----- Given information

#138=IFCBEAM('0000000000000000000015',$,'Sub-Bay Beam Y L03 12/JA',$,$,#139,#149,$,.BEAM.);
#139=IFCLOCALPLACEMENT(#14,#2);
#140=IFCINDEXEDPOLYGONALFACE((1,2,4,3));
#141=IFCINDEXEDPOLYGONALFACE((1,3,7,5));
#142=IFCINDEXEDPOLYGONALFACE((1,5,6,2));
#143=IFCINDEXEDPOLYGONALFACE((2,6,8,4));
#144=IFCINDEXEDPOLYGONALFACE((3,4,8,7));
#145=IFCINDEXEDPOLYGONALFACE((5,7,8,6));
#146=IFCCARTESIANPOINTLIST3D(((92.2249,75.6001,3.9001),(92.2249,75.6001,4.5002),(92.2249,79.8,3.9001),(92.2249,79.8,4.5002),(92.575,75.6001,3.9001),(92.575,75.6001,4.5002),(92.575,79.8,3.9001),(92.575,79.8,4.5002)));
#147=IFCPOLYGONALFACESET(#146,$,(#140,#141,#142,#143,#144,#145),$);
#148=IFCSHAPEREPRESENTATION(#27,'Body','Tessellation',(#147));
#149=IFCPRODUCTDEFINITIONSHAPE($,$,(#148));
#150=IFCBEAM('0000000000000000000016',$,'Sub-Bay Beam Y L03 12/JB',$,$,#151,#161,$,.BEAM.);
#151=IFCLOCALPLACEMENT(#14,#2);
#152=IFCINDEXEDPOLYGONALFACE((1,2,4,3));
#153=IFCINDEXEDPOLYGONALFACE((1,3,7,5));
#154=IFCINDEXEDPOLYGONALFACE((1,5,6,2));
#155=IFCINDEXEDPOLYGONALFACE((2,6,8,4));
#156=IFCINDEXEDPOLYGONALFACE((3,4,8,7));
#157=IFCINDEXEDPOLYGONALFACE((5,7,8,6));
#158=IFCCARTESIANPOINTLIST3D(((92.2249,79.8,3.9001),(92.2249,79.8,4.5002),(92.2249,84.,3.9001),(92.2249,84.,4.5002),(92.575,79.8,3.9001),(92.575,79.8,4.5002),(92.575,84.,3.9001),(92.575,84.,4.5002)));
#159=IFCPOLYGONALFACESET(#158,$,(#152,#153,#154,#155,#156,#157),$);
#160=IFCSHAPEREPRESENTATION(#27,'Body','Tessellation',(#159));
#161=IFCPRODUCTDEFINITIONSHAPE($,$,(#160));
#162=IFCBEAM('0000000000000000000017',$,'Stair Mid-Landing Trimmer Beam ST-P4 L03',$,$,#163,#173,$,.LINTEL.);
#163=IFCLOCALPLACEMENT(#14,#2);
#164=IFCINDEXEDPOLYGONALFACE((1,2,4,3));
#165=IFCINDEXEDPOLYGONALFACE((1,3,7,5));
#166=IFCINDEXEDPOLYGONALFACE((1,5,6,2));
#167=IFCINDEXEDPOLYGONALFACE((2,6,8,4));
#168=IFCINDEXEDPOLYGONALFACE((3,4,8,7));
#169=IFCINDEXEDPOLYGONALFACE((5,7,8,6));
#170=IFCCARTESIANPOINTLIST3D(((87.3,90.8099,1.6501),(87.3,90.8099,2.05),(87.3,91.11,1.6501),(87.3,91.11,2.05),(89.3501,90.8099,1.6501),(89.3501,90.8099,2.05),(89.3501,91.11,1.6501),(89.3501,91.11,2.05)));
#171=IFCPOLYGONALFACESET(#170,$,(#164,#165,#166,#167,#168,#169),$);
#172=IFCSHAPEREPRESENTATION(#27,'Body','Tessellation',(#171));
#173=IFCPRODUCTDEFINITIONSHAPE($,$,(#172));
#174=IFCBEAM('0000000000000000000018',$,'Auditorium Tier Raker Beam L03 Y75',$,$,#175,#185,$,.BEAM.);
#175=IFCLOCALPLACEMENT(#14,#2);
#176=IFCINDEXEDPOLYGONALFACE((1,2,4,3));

----------

What the exercise asks
Could you repeat exactly the lines above from the line with "#156=IFCINDEXEDPOLYGONALFACE((3,4,8,7));" up to and including the line with "#161=IFCPRODUCTDEFINITIONSHAPE($,$,(#160));", and only those?

Solution for this problem
#156=IFCINDEXEDPOLYGONALFACE((3,4,8,7));
#157=IFCINDEXEDPOLYGONALFACE((5,7,8,6));
#158=IFCCARTESIANPOINTLIST3D(((92.2249,79.8,3.9001),(92.2249,79.8,4.5002),(92.2249,84.,3.9001),(92.2249,84.,4.5002),(92.575,79.8,3.9001),(92.575,79.8,4.5002),(92.575,84.,3.9001),(92.575,84.,4.5002)));
#159=IFCPOLYGONALFACESET(#158,$,(#152,#153,#154,#155,#156,#157),$);
#160=IFCSHAPEREPRESENTATION(#27,'Body','Tessellation',(#159));
#161=IFCPRODUCTDEFINITIONSHAPE($,$,(#160));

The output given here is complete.